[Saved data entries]
-- -- --

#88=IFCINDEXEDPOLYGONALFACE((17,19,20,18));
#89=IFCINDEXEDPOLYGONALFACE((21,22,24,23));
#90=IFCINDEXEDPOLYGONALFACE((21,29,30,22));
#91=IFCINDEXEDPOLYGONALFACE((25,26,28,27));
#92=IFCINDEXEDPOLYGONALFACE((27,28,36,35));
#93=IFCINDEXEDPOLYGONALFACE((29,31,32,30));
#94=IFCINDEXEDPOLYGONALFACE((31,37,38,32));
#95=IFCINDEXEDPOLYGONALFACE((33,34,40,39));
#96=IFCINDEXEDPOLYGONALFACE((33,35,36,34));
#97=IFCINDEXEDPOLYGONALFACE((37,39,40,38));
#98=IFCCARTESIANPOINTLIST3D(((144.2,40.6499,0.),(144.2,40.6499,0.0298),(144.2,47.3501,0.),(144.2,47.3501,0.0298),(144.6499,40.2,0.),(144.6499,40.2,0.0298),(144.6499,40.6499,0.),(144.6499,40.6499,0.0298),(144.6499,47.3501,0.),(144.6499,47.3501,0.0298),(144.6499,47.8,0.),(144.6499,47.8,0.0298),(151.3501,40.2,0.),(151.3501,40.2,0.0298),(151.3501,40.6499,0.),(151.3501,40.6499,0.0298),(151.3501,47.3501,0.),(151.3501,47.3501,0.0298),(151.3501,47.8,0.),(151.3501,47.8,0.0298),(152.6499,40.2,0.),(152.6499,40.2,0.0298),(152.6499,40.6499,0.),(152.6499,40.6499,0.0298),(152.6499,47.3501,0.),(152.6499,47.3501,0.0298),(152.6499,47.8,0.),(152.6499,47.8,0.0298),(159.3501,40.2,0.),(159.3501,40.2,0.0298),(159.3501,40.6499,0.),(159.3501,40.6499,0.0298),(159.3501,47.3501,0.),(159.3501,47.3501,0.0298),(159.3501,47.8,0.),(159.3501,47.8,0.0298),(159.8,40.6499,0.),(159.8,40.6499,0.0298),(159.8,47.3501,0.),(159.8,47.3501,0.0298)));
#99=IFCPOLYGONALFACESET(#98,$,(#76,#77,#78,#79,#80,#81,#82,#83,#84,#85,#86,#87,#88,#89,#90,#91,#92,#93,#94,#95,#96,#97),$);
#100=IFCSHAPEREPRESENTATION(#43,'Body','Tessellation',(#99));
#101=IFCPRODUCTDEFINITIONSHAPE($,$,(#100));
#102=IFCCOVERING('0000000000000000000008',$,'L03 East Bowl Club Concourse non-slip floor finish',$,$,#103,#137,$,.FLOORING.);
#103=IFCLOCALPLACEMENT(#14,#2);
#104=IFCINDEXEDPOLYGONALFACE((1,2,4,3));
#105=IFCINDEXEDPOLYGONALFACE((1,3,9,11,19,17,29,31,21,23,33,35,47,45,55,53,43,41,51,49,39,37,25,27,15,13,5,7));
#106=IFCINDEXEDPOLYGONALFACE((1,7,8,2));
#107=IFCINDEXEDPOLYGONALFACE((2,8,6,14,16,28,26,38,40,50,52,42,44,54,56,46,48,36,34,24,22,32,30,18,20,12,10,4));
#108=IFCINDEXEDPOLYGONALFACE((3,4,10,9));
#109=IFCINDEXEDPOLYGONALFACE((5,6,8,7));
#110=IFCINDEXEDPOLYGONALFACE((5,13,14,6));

-- -- --

> Exercise:
The answer should hold exactly the lines running from the one with "#108=IFCINDEXEDPOLYGONALFACE((3,4,10,9));" to the final line of the data, both ends counted.

> Reply:
#108=IFCINDEXEDPOLYGONALFACE((3,4,10,9));
#109=IFCINDEXEDPOLYGONALFACE((5,6,8,7));
#110=IFCINDEXEDPOLYGONALFACE((5,13,14,6));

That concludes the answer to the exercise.